● WHAT THE TASK REQUIRES
Only one stretch of the data below should be repeated: the lines from the line containing "#107=IFCINDEXEDPOLYGONALFACE((5,56,61,10));" through the line containing "#121=IFCINDEXEDPOLYGONALFACE((19,70,74,23));", inclusive, exactly as they are.

● THE RECORDS
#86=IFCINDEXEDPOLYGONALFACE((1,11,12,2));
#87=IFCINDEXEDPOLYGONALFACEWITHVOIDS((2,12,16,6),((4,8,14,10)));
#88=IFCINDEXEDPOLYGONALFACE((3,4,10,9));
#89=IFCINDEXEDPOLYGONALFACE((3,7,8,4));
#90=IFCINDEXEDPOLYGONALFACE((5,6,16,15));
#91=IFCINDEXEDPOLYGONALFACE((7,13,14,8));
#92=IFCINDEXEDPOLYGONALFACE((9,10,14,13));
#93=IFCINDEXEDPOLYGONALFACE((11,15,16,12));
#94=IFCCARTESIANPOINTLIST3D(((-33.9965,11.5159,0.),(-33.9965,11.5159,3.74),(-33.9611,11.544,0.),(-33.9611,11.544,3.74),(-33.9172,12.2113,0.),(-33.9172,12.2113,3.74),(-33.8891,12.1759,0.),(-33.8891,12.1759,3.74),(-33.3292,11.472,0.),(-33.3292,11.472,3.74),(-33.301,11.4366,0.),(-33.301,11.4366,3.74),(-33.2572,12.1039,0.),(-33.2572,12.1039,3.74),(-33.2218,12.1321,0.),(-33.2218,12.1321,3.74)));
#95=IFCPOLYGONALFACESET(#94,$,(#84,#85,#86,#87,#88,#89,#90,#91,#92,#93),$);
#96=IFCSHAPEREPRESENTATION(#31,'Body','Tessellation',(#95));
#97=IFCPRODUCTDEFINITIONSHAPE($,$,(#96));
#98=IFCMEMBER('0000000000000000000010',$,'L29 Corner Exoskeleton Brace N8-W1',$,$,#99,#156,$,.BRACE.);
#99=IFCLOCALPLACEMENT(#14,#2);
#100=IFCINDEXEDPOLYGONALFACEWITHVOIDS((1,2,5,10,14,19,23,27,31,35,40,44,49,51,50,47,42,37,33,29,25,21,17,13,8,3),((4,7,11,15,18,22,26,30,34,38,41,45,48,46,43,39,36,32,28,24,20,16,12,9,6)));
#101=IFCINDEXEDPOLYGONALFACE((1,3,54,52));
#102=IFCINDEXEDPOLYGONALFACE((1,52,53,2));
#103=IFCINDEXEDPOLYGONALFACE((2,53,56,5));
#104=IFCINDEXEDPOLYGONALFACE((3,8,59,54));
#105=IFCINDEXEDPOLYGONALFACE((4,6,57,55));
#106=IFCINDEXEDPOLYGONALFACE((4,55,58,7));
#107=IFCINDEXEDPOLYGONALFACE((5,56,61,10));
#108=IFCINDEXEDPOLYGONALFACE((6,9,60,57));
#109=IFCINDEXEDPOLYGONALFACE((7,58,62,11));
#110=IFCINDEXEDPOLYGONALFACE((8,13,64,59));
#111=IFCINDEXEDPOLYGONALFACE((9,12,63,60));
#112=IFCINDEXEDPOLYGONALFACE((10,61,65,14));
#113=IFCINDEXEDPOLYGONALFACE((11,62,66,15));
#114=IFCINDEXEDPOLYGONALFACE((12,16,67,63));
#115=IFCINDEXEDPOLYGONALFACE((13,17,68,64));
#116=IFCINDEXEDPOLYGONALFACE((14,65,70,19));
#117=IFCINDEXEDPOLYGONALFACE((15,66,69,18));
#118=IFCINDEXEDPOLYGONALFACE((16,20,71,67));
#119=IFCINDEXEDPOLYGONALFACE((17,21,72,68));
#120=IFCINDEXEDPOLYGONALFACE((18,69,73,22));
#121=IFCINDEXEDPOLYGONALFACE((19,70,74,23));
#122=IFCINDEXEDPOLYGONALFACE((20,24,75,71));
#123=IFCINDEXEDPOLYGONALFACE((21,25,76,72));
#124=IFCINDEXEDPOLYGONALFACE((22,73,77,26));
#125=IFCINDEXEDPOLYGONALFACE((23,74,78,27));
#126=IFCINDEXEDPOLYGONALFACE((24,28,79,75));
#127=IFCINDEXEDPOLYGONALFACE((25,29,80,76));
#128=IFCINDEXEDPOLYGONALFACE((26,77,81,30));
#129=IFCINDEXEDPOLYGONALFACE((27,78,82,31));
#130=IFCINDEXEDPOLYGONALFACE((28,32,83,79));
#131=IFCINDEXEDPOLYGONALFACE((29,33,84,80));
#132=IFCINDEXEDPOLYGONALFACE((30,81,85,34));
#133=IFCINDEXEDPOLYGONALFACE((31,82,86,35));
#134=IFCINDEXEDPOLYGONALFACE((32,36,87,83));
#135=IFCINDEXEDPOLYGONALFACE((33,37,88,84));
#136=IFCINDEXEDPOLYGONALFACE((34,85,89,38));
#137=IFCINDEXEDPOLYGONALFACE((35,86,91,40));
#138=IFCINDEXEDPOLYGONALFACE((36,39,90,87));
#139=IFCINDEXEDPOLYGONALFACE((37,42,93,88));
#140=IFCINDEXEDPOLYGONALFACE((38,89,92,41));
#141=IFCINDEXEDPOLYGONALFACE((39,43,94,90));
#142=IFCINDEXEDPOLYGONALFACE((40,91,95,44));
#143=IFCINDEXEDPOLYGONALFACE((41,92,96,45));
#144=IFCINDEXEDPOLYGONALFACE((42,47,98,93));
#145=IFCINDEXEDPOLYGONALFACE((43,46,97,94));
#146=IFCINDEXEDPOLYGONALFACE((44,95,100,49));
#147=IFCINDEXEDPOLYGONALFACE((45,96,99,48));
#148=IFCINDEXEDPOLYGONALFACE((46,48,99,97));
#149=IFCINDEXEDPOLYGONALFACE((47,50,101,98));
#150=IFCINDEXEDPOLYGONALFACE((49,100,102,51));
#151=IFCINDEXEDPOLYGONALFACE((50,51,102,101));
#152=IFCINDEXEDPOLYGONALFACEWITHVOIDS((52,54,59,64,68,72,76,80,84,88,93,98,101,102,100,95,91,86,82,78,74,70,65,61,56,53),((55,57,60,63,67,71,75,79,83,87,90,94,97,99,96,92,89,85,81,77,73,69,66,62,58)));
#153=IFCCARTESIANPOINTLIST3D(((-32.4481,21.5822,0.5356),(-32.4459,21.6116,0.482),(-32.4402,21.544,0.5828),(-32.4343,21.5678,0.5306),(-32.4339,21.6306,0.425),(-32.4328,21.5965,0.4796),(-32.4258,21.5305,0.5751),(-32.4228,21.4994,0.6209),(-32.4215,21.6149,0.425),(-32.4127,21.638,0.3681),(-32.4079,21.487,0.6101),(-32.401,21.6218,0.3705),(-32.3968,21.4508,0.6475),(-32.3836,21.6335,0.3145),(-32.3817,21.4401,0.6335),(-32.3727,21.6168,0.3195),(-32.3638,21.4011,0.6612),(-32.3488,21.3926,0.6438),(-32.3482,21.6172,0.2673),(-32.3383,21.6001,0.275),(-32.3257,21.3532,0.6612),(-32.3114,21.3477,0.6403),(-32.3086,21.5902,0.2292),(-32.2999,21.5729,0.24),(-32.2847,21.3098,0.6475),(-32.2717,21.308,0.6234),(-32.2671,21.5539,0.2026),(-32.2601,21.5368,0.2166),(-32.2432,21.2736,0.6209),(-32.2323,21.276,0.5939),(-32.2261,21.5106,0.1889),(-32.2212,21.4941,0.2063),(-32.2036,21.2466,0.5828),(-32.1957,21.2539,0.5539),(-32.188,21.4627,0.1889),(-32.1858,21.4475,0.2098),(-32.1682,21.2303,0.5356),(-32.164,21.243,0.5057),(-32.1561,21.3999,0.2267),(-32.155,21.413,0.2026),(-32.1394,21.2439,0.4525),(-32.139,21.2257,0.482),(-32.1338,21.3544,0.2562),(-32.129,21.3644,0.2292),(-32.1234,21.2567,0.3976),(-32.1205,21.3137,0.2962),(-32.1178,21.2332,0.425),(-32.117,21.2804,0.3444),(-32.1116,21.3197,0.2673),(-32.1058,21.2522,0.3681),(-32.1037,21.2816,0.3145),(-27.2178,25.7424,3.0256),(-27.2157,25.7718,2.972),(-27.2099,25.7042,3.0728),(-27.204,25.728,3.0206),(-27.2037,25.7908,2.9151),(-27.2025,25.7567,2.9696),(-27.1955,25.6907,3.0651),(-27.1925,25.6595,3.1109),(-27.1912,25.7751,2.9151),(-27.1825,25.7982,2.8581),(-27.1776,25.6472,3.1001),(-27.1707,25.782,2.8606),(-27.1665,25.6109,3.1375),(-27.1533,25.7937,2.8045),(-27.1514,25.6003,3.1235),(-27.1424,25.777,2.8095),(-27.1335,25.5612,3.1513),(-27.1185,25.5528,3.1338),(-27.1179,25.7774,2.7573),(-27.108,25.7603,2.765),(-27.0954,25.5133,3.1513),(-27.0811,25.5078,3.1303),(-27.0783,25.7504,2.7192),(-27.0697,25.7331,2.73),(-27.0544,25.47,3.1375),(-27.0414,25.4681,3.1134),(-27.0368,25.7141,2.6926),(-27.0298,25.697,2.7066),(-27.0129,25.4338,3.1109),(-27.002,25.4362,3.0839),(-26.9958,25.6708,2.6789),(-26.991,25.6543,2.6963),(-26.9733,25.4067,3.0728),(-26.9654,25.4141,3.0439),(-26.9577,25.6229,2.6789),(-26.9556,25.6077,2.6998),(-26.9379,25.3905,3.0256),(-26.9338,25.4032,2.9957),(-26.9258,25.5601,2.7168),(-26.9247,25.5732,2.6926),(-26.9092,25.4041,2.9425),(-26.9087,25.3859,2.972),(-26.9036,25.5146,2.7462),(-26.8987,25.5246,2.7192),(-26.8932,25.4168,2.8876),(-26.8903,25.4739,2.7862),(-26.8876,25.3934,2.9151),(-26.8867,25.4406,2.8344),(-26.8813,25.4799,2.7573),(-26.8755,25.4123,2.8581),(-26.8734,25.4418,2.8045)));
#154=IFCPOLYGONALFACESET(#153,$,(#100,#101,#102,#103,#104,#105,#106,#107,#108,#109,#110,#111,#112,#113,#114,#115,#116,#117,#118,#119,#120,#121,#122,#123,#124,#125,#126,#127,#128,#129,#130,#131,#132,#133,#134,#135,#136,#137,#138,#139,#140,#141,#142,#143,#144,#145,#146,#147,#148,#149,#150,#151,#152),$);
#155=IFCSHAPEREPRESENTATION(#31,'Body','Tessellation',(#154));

● WRITTEN ANSWER
#107=IFCINDEXEDPOLYGONALFACE((5,56,61,10));
#108=IFCINDEXEDPOLYGONALFACE((6,9,60,57));
#109=IFCINDEXEDPOLYGONALFACE((7,58,62,11));
#110=IFCINDEXEDPOLYGONALFACE((8,13,64,59));
#111=IFCINDEXEDPOLYGONALFACE((9,12,63,60));
#112=IFCINDEXEDPOLYGONALFACE((10,61,65,14));
#113=IFCINDEXEDPOLYGONALFACE((11,62,66,15));
#114=IFCINDEXEDPOLYGONALFACE((12,16,67,63));
#115=IFCINDEXEDPOLYGONALFACE((13,17,68,64));
#116=IFCINDEXEDPOLYGONALFACE((14,65,70,19));
#117=IFCINDEXEDPOLYGONALFACE((15,66,69,18));
#118=IFCINDEXEDPOLYGONALFACE((16,20,71,67));
#119=IFCINDEXEDPOLYGONALFACE((17,21,72,68));
#120=IFCINDEXEDPOLYGONALFACE((18,69,73,22));
#121=IFCINDEXEDPOLYGONALFACE((19,70,74,23));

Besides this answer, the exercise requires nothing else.